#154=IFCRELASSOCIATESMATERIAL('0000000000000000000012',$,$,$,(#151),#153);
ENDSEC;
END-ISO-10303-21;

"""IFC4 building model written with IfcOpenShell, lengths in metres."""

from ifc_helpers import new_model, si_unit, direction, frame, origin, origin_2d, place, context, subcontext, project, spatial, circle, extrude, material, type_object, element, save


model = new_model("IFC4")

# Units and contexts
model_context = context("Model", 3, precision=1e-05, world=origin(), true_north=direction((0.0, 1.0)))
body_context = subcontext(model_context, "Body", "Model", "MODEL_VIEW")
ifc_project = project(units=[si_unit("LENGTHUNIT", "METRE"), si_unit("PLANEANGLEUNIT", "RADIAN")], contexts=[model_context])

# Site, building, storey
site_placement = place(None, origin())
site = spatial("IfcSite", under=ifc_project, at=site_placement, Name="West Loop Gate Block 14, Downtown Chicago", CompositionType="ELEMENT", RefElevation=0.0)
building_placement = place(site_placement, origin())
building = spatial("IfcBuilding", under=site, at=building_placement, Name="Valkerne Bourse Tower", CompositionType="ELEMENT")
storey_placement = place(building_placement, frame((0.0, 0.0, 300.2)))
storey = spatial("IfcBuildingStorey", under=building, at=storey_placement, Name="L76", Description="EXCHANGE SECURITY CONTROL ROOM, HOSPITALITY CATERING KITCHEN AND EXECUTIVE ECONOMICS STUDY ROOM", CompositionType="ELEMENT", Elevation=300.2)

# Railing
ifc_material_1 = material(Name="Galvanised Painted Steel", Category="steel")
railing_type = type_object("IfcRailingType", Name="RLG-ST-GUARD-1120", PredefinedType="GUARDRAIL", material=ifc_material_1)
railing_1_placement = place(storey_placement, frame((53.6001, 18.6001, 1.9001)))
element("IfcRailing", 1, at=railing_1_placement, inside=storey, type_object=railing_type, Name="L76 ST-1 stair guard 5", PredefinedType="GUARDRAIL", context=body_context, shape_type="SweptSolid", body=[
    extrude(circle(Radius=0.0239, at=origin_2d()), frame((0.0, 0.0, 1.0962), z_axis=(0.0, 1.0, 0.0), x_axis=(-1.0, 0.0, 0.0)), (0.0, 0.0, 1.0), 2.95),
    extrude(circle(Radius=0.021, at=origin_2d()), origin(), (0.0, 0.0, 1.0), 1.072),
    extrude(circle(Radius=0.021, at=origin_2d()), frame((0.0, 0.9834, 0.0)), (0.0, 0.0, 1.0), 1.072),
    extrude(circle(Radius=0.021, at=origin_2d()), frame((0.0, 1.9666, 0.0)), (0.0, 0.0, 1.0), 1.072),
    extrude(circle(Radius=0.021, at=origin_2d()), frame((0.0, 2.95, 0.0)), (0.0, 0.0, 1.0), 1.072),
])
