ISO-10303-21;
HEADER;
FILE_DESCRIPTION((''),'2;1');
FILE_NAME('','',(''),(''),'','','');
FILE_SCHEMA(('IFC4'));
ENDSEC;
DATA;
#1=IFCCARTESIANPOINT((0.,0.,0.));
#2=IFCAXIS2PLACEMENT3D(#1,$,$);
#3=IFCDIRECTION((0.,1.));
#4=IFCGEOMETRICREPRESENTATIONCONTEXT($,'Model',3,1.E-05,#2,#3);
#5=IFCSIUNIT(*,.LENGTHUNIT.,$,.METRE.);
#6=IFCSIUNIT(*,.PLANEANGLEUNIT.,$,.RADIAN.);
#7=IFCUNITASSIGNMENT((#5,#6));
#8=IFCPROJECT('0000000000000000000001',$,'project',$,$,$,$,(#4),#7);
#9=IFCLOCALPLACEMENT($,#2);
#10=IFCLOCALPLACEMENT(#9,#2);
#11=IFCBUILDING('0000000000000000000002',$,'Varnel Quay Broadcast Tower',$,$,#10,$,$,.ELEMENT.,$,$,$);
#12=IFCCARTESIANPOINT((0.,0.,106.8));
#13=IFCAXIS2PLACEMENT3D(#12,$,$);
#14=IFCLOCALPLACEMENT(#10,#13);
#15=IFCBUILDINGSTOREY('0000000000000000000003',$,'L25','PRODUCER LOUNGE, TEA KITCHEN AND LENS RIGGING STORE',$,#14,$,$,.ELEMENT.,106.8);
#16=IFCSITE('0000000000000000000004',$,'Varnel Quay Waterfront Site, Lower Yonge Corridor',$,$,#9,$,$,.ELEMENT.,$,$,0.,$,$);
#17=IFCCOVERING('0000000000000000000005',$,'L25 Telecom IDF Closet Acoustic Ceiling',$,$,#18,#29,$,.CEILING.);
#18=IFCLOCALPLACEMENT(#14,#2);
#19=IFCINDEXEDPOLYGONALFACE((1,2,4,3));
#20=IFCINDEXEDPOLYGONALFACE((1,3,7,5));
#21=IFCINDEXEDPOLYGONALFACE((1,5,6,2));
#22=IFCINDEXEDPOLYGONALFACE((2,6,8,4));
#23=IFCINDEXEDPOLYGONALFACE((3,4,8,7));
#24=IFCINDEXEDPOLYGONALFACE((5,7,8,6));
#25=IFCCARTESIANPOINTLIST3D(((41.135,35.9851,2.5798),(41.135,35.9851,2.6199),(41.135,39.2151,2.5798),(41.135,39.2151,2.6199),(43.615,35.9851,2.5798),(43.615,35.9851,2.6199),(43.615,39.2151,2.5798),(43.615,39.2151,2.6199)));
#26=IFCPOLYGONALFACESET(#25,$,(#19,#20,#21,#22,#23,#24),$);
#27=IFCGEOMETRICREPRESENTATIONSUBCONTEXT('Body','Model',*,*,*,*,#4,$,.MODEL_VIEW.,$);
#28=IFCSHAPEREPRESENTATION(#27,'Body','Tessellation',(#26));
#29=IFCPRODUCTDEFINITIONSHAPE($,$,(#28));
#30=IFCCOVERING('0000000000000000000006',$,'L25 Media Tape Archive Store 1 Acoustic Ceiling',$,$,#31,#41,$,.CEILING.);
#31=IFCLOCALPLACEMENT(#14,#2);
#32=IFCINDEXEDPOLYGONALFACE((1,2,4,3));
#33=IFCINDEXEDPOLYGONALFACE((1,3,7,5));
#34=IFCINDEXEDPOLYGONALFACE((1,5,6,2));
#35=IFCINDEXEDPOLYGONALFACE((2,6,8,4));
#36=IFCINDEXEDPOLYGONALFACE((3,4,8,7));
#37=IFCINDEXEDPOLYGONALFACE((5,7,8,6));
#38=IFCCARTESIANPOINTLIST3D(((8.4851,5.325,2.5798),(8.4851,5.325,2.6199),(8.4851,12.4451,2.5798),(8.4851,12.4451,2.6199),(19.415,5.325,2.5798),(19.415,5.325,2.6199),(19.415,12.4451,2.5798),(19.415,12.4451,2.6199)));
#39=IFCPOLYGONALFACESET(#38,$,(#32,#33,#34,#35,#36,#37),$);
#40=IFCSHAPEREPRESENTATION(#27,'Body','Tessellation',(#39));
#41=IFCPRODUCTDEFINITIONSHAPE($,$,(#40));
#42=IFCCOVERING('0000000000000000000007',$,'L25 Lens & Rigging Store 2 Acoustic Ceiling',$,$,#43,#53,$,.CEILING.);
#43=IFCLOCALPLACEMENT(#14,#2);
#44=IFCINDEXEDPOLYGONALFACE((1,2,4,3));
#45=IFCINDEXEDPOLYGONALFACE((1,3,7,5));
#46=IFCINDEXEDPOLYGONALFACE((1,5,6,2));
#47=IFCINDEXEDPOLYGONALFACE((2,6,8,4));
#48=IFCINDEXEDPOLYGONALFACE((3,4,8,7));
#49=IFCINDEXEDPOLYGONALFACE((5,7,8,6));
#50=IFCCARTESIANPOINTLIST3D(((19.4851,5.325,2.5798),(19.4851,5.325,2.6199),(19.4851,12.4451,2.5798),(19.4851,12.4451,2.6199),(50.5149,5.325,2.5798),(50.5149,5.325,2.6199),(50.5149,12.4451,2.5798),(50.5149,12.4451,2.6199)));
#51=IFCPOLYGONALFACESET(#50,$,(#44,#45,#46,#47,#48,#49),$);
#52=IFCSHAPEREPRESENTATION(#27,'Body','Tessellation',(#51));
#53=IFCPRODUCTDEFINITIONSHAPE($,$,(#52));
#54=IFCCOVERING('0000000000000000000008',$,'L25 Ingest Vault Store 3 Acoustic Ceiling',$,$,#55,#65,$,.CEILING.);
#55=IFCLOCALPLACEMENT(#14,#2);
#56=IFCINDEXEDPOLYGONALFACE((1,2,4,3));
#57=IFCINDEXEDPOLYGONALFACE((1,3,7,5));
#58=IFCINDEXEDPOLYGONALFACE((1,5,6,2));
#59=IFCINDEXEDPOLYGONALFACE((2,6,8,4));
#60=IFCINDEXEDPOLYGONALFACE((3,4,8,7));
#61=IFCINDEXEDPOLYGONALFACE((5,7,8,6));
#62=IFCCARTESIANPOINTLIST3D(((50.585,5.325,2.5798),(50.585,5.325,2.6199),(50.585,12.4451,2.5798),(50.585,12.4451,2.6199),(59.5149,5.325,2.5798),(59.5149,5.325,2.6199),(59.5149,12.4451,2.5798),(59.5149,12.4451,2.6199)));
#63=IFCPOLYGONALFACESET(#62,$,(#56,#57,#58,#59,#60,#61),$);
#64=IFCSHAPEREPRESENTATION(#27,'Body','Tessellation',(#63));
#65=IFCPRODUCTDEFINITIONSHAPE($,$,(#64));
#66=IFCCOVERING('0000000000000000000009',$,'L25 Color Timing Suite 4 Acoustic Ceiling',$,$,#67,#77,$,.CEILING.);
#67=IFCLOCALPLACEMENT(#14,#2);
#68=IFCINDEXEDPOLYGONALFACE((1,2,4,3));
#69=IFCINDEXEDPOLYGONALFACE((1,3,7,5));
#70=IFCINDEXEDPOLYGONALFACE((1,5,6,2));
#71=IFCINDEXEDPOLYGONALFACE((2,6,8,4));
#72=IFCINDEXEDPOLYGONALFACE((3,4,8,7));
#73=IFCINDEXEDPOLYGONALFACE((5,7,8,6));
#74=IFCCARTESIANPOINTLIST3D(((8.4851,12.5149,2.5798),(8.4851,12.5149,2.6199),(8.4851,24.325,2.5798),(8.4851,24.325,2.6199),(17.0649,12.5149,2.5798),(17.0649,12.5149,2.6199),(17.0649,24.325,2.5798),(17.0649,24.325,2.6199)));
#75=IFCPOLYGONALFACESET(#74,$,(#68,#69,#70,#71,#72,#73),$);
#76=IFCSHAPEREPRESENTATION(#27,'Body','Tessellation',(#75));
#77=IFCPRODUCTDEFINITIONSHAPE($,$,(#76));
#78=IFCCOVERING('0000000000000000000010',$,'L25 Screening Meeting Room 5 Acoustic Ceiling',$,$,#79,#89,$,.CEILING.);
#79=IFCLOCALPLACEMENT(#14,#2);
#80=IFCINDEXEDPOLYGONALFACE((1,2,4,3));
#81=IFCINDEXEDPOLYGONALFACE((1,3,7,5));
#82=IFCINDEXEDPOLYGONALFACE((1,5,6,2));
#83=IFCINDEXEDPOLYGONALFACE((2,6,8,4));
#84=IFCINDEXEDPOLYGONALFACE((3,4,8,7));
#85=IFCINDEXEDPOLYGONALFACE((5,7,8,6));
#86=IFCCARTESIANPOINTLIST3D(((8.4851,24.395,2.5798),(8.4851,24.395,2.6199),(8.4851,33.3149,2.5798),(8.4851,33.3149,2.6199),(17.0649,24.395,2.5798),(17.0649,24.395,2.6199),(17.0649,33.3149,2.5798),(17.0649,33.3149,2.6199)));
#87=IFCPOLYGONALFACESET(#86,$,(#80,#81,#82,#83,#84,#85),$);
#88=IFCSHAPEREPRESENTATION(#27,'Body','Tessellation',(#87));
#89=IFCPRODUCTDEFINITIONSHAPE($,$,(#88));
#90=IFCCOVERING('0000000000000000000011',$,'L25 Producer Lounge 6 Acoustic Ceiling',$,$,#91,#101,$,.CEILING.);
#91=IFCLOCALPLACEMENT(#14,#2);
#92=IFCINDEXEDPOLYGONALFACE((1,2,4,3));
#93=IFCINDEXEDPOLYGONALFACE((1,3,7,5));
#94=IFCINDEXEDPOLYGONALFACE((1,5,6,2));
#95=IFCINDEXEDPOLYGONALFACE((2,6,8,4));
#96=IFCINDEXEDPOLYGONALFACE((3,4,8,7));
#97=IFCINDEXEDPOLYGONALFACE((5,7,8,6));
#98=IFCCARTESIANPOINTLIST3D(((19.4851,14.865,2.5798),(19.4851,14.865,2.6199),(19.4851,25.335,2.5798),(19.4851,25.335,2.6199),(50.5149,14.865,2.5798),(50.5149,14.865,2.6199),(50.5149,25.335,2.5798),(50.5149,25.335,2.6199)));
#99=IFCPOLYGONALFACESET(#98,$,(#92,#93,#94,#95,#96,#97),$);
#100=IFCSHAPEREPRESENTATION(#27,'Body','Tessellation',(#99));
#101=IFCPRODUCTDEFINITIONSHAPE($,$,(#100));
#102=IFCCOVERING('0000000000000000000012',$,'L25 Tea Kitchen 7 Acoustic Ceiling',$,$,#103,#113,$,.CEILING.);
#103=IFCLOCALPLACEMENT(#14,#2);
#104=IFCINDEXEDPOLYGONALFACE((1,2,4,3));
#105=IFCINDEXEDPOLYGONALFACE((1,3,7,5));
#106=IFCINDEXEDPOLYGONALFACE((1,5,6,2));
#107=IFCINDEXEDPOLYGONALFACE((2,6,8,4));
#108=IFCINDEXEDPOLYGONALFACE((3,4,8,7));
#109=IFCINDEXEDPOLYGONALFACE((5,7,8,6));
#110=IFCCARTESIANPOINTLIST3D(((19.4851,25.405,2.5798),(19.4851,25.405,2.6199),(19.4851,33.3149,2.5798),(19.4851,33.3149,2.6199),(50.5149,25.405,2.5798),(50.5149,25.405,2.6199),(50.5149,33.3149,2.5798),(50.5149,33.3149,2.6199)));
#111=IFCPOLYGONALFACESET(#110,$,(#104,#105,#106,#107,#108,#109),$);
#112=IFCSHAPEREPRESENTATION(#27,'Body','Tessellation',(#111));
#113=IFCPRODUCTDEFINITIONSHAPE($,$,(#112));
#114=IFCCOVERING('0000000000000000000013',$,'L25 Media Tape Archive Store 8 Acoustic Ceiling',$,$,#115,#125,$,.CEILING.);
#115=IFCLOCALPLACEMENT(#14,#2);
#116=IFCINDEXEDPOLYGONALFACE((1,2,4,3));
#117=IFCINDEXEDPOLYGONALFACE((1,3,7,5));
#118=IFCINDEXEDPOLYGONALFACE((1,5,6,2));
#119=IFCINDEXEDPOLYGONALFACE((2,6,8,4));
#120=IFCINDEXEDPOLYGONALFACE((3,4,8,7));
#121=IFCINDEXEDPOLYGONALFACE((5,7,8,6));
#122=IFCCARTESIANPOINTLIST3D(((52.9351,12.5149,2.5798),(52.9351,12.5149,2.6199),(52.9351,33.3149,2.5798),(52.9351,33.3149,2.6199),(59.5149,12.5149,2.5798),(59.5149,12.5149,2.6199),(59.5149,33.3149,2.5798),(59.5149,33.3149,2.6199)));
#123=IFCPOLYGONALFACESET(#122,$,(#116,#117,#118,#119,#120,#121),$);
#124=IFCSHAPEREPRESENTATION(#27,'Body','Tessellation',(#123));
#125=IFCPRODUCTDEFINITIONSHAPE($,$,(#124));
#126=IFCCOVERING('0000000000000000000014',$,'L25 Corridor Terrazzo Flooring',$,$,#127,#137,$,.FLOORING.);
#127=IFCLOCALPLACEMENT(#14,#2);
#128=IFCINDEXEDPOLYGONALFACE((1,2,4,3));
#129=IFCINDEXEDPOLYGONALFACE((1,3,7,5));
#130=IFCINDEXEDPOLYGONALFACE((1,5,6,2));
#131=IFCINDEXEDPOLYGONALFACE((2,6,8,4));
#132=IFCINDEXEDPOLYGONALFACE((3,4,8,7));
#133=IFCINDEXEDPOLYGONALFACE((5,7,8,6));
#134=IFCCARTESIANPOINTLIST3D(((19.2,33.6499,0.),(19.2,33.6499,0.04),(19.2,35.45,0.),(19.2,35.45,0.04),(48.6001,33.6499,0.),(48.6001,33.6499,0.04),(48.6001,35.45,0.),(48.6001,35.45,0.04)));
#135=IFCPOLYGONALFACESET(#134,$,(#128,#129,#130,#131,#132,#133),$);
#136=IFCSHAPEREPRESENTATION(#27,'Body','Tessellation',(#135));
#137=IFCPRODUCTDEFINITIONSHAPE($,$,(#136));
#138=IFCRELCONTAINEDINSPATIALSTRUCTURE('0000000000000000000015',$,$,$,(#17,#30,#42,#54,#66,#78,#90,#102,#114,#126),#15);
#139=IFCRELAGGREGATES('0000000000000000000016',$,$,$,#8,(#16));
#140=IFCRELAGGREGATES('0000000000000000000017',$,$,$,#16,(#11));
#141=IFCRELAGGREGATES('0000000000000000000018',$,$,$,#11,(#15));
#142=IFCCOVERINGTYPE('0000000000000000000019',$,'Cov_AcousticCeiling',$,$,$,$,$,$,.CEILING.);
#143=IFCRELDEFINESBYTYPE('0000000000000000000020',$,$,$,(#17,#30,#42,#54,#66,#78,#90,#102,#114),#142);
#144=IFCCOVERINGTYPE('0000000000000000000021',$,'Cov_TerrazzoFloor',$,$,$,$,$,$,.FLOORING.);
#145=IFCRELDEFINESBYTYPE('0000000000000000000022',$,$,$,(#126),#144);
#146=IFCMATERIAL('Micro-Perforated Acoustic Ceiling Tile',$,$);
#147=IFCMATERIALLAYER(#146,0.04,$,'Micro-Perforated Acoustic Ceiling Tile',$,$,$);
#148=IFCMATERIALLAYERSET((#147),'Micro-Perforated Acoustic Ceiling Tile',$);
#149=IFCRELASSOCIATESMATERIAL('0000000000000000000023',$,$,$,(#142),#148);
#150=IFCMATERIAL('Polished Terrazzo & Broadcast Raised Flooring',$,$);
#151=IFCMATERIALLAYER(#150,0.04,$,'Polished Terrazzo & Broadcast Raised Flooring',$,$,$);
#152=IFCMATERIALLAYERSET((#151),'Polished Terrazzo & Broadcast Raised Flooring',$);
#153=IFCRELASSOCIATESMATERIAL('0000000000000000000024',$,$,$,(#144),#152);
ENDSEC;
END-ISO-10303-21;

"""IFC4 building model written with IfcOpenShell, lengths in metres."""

from ifc_helpers import new_model, si_unit, direction, frame, origin, place, context, subcontext, project, spatial, polyline, outline, extrude, material, layer, layer_set, type_object, element, save


model = new_model("IFC4")

# Units and contexts
model_context = context("Model", 3, precision=1e-05, world=origin(), true_north=direction((0.0, 1.0)))
body_context = subcontext(model_context, "Body", "Model", "MODEL_VIEW")
ifc_project = project(units=[si_unit("LENGTHUNIT", "METRE"), si_unit("PLANEANGLEUNIT", "RADIAN")], contexts=[model_context])

# Site, building, storey
site_placement = place(None, origin())
site = spatial("IfcSite", under=ifc_project, at=site_placement, Name="Varnel Quay Waterfront Site, Lower Yonge Corridor", CompositionType="ELEMENT", RefElevation=0.0)
building_placement = place(site_placement, origin())
building = spatial("IfcBuilding", under=site, at=building_placement, Name="Varnel Quay Broadcast Tower", CompositionType="ELEMENT")
storey_placement = place(building_placement, frame((0.0, 0.0, 106.8)))
storey = spatial("IfcBuildingStorey", under=building, at=storey_placement, Name="L25", Description="PRODUCER LOUNGE, TEA KITCHEN AND LENS RIGGING STORE", CompositionType="ELEMENT", Elevation=106.8)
--------------------
* [What you have to do]
Whenever a line of the data contains "IFCMATERIALLAYERSET", it counts; state how many such lines there are, with nothing added.

* [Solution for this problem]
2